» **Exercise description**
Exact reproduction required: the lines below from the line with "LIFT LANDING DOOR" to the line with "ENCLOSURE WALL 200',$,$,$,$,$,$,.PARTITIONING.);", both ends included, and no others.

--- START ---

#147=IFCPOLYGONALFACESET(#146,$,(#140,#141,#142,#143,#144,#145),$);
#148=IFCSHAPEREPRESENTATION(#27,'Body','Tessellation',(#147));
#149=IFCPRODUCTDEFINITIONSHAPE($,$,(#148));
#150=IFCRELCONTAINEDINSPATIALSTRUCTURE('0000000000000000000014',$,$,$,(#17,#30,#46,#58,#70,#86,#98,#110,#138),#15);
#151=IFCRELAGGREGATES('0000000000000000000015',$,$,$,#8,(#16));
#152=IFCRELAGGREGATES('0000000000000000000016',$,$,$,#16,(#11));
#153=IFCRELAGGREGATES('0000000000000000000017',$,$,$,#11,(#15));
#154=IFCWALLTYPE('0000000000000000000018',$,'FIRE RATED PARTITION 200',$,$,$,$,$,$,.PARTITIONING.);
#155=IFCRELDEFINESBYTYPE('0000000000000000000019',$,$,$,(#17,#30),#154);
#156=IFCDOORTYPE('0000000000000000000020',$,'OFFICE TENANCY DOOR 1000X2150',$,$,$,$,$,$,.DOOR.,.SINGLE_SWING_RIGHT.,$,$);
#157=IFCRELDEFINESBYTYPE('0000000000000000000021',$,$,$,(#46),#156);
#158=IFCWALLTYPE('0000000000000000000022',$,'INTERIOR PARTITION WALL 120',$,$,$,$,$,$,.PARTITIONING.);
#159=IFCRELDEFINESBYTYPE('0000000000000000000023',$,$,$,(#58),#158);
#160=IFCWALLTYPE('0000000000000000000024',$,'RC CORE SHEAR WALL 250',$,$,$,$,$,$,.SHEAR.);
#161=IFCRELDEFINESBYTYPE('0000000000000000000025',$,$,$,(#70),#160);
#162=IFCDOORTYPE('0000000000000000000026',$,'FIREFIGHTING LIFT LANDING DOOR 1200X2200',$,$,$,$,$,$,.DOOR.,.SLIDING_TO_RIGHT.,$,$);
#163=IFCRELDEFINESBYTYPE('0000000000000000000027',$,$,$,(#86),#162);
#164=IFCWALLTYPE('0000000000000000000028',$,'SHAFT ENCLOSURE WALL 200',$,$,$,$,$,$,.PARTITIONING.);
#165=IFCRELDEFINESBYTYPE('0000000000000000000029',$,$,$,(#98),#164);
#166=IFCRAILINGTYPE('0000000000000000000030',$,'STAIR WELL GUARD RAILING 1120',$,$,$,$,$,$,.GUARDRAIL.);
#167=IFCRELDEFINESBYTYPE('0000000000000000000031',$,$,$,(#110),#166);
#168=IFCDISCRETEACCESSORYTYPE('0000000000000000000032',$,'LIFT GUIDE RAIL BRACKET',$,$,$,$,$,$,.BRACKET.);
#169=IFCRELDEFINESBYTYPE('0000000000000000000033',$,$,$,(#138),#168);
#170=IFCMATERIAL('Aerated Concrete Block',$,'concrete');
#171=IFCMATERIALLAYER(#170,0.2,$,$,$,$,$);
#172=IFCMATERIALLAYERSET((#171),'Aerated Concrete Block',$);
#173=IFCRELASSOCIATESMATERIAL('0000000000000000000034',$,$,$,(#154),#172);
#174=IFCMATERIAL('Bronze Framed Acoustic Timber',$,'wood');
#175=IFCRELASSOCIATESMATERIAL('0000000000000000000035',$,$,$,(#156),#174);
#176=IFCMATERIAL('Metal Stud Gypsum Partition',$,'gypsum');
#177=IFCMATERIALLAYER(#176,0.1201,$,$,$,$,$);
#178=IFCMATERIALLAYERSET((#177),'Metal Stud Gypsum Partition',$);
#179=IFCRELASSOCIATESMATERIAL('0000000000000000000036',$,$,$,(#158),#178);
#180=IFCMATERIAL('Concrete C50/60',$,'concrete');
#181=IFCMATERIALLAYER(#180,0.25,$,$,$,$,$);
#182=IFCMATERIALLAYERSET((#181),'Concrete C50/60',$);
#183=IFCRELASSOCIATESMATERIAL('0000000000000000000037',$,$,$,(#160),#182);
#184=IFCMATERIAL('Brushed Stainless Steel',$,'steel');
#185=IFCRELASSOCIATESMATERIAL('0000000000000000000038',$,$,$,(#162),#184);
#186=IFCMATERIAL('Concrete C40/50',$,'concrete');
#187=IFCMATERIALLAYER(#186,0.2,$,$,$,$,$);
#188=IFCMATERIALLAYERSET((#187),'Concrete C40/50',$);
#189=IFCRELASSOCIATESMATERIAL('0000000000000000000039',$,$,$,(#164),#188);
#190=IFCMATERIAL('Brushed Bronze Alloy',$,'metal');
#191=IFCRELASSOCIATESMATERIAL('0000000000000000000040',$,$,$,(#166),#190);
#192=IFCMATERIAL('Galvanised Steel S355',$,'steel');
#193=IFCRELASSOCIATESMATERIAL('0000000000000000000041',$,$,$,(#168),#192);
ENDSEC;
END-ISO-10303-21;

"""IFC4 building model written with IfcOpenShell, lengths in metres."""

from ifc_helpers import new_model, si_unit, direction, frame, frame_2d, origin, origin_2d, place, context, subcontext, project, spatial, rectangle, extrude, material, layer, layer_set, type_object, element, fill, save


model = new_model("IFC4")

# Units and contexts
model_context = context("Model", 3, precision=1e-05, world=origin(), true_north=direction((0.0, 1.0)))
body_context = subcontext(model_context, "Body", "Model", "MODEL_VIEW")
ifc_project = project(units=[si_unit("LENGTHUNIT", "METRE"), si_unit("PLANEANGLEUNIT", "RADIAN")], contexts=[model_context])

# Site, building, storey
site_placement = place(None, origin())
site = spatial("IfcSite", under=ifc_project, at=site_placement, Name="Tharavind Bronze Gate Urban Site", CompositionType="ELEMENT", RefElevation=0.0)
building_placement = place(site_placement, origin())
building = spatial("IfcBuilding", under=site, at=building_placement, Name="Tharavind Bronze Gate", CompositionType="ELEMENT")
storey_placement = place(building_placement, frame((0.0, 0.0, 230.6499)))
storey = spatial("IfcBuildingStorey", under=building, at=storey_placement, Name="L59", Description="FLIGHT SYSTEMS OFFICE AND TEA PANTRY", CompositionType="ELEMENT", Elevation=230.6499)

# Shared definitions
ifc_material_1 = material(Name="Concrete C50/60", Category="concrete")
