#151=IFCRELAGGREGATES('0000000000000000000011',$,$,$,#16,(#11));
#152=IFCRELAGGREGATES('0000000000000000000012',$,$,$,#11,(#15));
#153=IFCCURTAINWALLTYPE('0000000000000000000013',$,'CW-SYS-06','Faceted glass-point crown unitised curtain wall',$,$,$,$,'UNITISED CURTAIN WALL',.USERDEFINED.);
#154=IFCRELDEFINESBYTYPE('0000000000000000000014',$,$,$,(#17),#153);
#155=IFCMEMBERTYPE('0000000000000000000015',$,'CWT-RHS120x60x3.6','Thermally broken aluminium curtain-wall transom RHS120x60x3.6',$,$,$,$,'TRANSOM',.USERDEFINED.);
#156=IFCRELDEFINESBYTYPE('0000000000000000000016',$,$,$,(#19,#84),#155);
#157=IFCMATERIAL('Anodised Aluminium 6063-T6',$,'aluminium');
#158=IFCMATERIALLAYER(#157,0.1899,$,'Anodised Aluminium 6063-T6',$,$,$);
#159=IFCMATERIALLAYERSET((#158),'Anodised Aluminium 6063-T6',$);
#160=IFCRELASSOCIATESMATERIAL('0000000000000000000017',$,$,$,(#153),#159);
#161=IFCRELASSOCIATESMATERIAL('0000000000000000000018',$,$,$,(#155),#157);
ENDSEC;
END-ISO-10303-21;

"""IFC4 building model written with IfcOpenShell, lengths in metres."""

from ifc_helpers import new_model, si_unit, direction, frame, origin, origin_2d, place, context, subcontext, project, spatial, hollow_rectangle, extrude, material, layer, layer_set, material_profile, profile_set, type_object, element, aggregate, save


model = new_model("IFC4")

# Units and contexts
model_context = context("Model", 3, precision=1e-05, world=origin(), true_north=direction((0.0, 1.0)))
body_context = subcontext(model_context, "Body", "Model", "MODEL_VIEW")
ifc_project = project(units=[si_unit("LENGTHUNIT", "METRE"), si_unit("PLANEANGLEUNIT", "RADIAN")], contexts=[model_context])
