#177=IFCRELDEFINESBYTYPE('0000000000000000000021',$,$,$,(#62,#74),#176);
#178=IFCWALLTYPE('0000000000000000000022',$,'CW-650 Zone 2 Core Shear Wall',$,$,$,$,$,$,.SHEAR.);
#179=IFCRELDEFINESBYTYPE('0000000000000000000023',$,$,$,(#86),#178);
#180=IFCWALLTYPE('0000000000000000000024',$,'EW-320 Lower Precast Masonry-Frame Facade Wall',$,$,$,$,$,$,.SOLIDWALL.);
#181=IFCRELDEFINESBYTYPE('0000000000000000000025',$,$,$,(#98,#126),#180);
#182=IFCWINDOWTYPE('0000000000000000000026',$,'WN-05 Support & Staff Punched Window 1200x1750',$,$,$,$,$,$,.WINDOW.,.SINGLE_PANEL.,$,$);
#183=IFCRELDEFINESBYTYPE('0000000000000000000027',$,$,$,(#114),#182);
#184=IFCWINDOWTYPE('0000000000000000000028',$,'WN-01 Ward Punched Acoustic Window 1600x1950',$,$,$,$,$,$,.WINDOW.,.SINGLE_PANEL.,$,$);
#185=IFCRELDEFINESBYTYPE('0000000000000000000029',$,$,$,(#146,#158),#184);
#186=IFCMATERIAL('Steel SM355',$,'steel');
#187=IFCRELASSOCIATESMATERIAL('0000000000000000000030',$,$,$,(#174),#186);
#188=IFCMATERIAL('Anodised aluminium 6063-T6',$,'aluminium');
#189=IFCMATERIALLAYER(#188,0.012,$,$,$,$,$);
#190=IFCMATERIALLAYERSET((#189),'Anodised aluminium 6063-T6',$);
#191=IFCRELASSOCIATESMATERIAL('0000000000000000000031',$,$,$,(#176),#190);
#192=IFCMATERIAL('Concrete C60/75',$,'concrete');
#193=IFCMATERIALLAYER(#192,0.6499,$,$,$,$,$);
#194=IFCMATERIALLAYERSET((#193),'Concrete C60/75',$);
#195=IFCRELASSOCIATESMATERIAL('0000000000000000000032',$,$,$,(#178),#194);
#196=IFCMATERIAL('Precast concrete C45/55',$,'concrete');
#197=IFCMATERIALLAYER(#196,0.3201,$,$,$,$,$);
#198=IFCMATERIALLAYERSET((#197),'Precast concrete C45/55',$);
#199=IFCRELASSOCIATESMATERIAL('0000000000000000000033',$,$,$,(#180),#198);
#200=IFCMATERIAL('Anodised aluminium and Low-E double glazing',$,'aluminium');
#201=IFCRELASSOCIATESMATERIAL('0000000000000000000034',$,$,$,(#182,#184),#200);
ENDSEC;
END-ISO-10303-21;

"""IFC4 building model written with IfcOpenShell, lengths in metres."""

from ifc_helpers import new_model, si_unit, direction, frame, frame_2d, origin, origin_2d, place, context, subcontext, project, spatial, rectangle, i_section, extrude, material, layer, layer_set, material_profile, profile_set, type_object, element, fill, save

--- END ---

» **Answer box**
#162=IFCDOORTYPE('0000000000000000000026',$,'FIREFIGHTING LIFT LANDING DOOR 1200X2200',$,$,$,$,$,$,.DOOR.,.SLIDING_TO_RIGHT.,$,$);
#163=IFCRELDEFINESBYTYPE('0000000000000000000027',$,$,$,(#86),#162);
#164=IFCWALLTYPE('0000000000000000000028',$,'SHAFT ENCLOSURE WALL 200',$,$,$,$,$,$,.PARTITIONING.);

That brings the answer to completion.